WORK ORDER:
Please repeat the lines below, exactly and only, from the one that holds "#3=IFCDIRECTION((0.,1.));" through the one that holds "#10=IFCLOCALPLACEMENT(#9,#2);".

BEGIN LISTED RECORDS

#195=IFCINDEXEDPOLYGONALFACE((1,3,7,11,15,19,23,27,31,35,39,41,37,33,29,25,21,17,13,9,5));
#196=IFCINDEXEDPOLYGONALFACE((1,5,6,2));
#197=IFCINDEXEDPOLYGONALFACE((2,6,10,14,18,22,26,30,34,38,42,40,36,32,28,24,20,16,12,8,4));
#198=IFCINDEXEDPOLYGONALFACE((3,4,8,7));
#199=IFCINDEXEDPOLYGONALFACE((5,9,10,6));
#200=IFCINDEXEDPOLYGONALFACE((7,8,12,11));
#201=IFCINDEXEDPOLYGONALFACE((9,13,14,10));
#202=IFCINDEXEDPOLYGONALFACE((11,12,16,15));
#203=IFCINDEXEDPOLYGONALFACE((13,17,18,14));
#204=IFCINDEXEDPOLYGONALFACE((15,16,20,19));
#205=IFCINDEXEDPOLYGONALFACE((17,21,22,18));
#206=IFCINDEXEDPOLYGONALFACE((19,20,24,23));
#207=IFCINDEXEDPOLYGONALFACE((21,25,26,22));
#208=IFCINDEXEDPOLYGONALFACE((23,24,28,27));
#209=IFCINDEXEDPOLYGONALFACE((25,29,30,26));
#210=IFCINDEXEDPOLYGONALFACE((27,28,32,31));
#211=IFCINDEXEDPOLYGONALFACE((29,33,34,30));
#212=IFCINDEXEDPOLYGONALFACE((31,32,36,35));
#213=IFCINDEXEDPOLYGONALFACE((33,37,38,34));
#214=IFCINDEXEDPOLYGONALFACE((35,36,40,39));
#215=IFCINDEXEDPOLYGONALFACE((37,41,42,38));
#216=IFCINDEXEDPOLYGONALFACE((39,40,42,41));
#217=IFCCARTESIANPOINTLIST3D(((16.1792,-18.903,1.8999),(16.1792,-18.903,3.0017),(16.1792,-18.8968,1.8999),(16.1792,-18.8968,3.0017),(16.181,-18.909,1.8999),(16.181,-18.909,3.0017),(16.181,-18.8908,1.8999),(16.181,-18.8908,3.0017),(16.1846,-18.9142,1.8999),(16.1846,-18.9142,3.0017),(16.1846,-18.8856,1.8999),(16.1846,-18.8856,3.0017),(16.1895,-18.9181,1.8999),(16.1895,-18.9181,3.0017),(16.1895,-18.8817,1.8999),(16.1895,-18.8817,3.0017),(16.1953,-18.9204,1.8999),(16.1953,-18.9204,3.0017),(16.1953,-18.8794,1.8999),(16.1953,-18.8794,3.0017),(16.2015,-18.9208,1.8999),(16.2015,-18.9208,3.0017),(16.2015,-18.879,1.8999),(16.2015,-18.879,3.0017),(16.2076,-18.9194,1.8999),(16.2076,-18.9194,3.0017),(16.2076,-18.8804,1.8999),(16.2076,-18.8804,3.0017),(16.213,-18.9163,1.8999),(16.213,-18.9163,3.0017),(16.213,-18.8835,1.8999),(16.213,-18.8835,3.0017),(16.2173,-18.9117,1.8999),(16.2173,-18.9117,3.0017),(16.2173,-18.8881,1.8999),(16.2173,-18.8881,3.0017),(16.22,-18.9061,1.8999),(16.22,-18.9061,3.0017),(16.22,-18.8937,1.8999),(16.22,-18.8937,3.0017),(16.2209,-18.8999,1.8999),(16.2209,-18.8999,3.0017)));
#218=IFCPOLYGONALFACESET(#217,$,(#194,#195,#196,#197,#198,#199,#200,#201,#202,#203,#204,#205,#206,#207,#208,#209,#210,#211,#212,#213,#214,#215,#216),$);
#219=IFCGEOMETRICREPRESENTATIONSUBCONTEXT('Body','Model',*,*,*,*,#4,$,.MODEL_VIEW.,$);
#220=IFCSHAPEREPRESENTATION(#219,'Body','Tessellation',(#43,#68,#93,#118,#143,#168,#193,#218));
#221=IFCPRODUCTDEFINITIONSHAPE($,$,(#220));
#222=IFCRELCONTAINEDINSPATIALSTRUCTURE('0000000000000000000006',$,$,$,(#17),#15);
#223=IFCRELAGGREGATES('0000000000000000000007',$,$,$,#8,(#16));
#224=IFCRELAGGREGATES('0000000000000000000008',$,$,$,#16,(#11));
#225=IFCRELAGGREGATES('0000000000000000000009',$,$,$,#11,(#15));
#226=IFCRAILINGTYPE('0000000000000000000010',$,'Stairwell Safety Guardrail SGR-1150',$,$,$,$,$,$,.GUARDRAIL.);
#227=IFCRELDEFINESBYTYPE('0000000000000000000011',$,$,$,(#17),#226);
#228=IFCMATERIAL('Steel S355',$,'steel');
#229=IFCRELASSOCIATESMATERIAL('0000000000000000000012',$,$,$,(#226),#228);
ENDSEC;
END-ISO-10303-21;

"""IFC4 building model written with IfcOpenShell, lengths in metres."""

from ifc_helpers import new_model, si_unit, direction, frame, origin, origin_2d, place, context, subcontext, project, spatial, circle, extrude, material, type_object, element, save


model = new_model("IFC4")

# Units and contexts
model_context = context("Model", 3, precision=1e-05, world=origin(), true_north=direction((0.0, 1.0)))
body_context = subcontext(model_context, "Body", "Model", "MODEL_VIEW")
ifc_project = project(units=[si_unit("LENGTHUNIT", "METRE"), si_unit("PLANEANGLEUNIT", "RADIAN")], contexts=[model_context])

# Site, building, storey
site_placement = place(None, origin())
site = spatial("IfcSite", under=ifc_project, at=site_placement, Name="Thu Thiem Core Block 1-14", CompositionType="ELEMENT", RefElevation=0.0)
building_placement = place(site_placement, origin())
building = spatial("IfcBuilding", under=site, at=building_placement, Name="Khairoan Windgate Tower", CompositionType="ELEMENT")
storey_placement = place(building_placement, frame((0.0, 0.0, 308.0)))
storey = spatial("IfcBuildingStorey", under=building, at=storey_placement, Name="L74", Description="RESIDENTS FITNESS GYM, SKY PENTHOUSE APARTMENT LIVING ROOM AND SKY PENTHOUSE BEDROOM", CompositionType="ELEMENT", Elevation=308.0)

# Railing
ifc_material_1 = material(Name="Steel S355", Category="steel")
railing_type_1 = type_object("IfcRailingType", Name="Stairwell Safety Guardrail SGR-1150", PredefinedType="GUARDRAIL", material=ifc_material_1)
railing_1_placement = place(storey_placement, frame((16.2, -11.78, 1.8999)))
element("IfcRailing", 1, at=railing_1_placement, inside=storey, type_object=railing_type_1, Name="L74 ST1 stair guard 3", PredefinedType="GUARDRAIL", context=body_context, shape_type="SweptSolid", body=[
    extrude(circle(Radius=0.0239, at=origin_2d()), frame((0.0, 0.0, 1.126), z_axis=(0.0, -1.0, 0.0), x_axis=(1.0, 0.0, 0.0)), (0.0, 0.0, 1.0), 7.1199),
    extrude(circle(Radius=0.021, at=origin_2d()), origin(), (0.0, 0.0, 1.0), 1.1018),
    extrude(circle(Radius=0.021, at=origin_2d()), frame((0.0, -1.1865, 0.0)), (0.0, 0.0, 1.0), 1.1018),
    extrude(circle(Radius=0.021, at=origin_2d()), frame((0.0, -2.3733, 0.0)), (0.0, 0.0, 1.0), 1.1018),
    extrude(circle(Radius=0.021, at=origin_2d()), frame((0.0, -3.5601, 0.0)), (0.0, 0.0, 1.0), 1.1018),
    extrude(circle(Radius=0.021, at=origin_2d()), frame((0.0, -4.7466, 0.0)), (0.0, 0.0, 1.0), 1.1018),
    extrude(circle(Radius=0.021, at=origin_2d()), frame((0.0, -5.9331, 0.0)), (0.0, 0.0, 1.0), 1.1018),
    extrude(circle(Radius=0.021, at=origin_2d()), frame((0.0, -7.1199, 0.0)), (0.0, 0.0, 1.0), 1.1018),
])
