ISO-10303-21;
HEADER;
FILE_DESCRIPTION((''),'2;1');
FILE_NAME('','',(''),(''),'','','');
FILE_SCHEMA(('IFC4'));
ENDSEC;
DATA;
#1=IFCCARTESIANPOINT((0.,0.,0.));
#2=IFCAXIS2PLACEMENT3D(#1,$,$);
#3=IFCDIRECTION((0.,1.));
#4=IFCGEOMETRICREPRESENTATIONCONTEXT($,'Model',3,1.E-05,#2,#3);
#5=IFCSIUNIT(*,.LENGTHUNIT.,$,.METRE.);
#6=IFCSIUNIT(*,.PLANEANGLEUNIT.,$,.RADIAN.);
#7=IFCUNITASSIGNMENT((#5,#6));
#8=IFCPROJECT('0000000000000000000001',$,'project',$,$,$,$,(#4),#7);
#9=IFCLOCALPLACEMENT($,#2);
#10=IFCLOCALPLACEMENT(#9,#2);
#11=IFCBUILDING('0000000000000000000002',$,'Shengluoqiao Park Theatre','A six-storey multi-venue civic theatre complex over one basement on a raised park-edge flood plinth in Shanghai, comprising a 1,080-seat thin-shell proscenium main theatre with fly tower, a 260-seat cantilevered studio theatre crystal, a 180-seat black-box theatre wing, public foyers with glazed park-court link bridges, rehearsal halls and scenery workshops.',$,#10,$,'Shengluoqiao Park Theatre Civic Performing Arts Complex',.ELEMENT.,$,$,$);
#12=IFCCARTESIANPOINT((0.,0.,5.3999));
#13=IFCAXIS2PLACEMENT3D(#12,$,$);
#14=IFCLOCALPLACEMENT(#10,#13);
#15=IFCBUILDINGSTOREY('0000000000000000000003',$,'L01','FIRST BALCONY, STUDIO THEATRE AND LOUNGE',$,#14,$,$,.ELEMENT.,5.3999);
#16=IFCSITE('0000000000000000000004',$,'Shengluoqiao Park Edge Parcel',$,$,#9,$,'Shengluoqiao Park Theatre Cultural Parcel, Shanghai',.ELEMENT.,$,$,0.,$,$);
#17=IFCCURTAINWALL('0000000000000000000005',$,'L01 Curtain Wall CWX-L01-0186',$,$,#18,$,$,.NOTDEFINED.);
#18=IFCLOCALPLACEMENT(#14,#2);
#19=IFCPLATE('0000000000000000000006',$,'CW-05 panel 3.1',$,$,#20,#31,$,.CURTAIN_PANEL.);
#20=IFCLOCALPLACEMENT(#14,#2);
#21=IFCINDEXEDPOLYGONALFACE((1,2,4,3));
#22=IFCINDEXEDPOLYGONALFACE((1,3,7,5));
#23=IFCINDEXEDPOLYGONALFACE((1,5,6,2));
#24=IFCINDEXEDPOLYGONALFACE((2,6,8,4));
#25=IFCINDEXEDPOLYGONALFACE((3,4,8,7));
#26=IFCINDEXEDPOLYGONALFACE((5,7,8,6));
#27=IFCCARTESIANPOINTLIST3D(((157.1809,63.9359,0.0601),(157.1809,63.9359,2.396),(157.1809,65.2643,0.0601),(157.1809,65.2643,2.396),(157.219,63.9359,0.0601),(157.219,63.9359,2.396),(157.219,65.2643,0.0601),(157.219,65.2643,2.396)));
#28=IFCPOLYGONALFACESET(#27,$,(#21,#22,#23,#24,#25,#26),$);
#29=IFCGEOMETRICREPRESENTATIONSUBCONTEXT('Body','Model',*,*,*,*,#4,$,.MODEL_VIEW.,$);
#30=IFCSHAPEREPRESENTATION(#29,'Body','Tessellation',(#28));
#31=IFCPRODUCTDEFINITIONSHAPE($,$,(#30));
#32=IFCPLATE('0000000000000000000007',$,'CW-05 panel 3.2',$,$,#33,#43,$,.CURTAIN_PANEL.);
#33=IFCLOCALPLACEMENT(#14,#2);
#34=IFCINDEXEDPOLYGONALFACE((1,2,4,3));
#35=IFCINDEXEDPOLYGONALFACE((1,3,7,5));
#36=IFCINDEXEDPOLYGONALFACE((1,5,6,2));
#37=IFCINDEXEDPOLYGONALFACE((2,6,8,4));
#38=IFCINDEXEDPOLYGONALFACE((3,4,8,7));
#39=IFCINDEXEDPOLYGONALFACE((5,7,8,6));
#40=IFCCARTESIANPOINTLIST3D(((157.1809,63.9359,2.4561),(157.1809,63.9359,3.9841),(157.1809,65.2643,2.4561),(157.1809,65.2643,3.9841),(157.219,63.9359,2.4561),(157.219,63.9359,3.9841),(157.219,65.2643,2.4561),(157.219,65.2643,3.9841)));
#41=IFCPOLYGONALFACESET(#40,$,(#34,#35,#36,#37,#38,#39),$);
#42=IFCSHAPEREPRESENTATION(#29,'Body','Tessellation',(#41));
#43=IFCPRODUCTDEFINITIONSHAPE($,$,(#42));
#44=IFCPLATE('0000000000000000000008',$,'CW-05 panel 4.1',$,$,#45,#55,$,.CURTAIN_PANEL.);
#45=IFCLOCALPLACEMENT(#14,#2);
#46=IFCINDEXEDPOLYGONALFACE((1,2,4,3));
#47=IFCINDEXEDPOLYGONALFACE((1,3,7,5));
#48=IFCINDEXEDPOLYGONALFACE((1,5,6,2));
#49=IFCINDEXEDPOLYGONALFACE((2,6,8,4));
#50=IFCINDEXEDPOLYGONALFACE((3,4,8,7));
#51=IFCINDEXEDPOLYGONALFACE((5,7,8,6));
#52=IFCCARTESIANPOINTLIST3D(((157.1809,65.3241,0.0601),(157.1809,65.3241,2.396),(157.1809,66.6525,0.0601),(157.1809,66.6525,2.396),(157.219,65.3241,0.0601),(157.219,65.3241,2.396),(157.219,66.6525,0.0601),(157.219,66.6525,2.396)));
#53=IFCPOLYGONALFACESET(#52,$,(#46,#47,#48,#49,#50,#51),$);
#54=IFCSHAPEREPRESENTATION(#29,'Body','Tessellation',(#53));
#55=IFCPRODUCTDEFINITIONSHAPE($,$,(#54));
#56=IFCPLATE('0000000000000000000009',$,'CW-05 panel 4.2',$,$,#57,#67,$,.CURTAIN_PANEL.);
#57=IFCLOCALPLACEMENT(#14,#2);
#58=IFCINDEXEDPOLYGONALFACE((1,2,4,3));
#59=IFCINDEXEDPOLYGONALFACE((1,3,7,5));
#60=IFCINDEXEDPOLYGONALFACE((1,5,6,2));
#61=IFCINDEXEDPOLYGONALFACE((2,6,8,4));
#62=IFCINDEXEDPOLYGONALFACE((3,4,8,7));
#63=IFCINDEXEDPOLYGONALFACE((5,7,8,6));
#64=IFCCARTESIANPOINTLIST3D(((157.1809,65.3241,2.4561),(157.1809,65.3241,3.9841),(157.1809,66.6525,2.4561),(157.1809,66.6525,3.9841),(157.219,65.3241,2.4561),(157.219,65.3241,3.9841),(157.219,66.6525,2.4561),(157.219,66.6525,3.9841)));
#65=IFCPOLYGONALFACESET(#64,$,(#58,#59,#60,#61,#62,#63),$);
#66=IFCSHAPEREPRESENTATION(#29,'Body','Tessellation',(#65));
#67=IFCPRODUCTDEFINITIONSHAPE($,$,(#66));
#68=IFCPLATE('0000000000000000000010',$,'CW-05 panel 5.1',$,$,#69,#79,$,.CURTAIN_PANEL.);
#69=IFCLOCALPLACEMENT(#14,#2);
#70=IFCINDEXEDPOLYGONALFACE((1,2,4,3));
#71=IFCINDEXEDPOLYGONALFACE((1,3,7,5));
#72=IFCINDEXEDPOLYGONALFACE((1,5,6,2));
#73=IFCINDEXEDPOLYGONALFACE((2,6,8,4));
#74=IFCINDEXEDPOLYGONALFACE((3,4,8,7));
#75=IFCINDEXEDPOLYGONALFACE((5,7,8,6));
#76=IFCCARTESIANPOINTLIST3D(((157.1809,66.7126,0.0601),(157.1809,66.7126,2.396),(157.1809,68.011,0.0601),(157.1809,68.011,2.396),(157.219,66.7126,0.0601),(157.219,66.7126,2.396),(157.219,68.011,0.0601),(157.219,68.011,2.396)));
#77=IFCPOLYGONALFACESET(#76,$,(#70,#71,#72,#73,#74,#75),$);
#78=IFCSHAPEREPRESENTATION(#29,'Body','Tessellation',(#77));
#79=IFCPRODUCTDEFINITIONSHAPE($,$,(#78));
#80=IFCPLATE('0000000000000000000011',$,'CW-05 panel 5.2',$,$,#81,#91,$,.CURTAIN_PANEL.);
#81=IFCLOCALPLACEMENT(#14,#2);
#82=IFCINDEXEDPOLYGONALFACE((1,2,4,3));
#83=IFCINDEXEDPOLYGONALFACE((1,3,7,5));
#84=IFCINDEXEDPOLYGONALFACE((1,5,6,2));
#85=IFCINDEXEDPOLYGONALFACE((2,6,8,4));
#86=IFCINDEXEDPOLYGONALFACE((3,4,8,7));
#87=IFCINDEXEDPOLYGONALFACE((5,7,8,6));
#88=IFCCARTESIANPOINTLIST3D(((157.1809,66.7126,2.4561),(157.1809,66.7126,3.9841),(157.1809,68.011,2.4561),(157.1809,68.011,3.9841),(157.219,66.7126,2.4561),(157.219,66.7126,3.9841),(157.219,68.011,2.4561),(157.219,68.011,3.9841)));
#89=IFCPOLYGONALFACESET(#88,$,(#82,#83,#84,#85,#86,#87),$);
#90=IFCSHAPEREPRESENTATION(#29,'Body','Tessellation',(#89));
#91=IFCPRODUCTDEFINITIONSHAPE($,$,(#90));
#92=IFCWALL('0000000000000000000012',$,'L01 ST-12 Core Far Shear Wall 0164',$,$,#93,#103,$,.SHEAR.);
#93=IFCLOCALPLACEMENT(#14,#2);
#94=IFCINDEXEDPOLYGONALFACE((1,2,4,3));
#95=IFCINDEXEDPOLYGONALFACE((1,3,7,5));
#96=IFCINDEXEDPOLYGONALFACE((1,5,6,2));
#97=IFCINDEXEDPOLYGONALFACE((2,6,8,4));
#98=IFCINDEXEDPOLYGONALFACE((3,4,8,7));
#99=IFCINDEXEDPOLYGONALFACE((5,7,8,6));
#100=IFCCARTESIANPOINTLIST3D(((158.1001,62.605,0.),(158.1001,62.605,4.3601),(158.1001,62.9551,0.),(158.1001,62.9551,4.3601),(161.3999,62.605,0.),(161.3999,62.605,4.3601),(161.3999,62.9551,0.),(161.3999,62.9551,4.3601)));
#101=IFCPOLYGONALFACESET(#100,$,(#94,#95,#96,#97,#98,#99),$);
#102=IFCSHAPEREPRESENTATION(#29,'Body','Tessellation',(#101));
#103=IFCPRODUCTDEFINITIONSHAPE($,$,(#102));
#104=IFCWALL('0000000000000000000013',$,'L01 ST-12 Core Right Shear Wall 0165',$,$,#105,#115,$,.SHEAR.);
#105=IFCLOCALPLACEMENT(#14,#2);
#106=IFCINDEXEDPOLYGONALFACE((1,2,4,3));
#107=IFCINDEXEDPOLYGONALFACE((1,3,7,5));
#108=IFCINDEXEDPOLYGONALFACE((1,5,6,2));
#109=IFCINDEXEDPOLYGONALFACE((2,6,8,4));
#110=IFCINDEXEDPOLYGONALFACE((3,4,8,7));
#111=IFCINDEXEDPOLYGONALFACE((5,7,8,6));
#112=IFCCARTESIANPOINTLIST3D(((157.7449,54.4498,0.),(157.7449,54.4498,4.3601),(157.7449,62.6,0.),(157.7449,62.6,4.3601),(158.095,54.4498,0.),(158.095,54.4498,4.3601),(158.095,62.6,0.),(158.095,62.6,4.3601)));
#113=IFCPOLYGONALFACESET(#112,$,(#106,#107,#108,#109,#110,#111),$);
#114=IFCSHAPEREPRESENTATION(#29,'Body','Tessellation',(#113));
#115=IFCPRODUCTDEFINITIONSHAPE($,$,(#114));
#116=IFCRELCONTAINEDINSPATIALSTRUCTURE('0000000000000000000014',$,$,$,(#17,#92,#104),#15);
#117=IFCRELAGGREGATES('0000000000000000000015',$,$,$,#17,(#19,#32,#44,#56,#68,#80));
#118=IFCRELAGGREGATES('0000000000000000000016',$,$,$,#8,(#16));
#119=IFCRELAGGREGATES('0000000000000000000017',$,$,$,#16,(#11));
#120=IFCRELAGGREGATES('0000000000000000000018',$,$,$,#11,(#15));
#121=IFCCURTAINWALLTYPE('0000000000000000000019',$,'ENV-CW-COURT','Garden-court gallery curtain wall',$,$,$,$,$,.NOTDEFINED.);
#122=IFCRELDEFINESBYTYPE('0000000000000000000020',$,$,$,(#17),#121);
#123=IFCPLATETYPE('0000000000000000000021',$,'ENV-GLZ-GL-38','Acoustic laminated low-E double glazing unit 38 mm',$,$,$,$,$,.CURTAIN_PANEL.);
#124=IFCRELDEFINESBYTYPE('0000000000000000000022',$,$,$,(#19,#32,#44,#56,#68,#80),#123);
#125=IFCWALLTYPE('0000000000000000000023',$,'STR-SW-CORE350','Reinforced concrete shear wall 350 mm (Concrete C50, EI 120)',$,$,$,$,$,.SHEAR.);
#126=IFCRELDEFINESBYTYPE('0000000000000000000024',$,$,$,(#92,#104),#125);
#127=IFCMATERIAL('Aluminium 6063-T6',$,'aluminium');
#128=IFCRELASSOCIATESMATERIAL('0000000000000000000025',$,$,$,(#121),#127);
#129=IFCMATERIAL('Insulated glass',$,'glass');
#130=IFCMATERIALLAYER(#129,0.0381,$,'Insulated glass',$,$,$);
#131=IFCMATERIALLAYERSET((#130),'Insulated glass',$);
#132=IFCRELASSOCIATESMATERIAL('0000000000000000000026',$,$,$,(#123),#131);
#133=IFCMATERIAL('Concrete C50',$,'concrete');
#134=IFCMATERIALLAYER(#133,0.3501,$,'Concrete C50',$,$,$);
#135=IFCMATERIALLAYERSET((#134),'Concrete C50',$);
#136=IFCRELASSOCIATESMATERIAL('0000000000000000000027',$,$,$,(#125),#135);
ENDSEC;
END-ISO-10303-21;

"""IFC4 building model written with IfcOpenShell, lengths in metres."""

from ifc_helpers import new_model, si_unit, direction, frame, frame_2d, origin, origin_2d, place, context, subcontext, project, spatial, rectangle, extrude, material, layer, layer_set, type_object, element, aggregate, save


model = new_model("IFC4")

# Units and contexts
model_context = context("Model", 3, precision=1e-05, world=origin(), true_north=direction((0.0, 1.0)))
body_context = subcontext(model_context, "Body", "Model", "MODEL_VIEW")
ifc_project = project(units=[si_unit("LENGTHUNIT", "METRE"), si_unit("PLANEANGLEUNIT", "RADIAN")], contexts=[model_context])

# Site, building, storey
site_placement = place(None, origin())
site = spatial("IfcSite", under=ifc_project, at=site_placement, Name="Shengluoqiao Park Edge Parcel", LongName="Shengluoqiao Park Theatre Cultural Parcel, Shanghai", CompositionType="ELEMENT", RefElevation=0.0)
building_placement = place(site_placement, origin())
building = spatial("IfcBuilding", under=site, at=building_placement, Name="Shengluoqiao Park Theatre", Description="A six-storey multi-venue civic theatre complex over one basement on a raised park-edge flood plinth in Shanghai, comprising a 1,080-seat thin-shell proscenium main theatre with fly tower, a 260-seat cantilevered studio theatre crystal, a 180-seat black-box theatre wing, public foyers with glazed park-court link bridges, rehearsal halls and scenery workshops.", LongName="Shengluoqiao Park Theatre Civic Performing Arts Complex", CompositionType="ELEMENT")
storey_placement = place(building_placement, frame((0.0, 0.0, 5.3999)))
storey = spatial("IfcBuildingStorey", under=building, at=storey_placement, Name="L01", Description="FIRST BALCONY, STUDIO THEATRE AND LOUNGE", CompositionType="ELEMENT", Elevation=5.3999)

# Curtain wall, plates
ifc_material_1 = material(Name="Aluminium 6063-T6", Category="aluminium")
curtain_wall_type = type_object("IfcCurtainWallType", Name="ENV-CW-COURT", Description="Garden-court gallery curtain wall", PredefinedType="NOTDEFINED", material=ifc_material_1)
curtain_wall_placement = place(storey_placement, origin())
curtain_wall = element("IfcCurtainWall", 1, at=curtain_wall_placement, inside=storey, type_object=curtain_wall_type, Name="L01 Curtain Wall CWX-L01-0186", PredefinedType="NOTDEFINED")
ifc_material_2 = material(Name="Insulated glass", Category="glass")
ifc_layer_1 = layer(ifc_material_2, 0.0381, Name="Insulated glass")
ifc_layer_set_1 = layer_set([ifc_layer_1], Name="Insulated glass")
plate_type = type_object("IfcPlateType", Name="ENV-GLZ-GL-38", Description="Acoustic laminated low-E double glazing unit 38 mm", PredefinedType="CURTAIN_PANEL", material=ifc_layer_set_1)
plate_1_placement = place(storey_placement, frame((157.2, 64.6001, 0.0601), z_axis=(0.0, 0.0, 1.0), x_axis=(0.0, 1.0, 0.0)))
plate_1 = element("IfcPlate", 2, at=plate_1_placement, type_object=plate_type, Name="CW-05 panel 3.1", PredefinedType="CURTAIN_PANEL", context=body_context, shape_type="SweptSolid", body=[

END LISTED RECORDS

THE COMPLETED TASK:
#3=IFCDIRECTION((0.,1.));
#4=IFCGEOMETRICREPRESENTATIONCONTEXT($,'Model',3,1.E-05,#2,#3);
#5=IFCSIUNIT(*,.LENGTHUNIT.,$,.METRE.);
#6=IFCSIUNIT(*,.PLANEANGLEUNIT.,$,.RADIAN.);
#7=IFCUNITASSIGNMENT((#5,#6));
#8=IFCPROJECT('0000000000000000000001',$,'project',$,$,$,$,(#4),#7);
#9=IFCLOCALPLACEMENT($,#2);
#10=IFCLOCALPLACEMENT(#9,#2);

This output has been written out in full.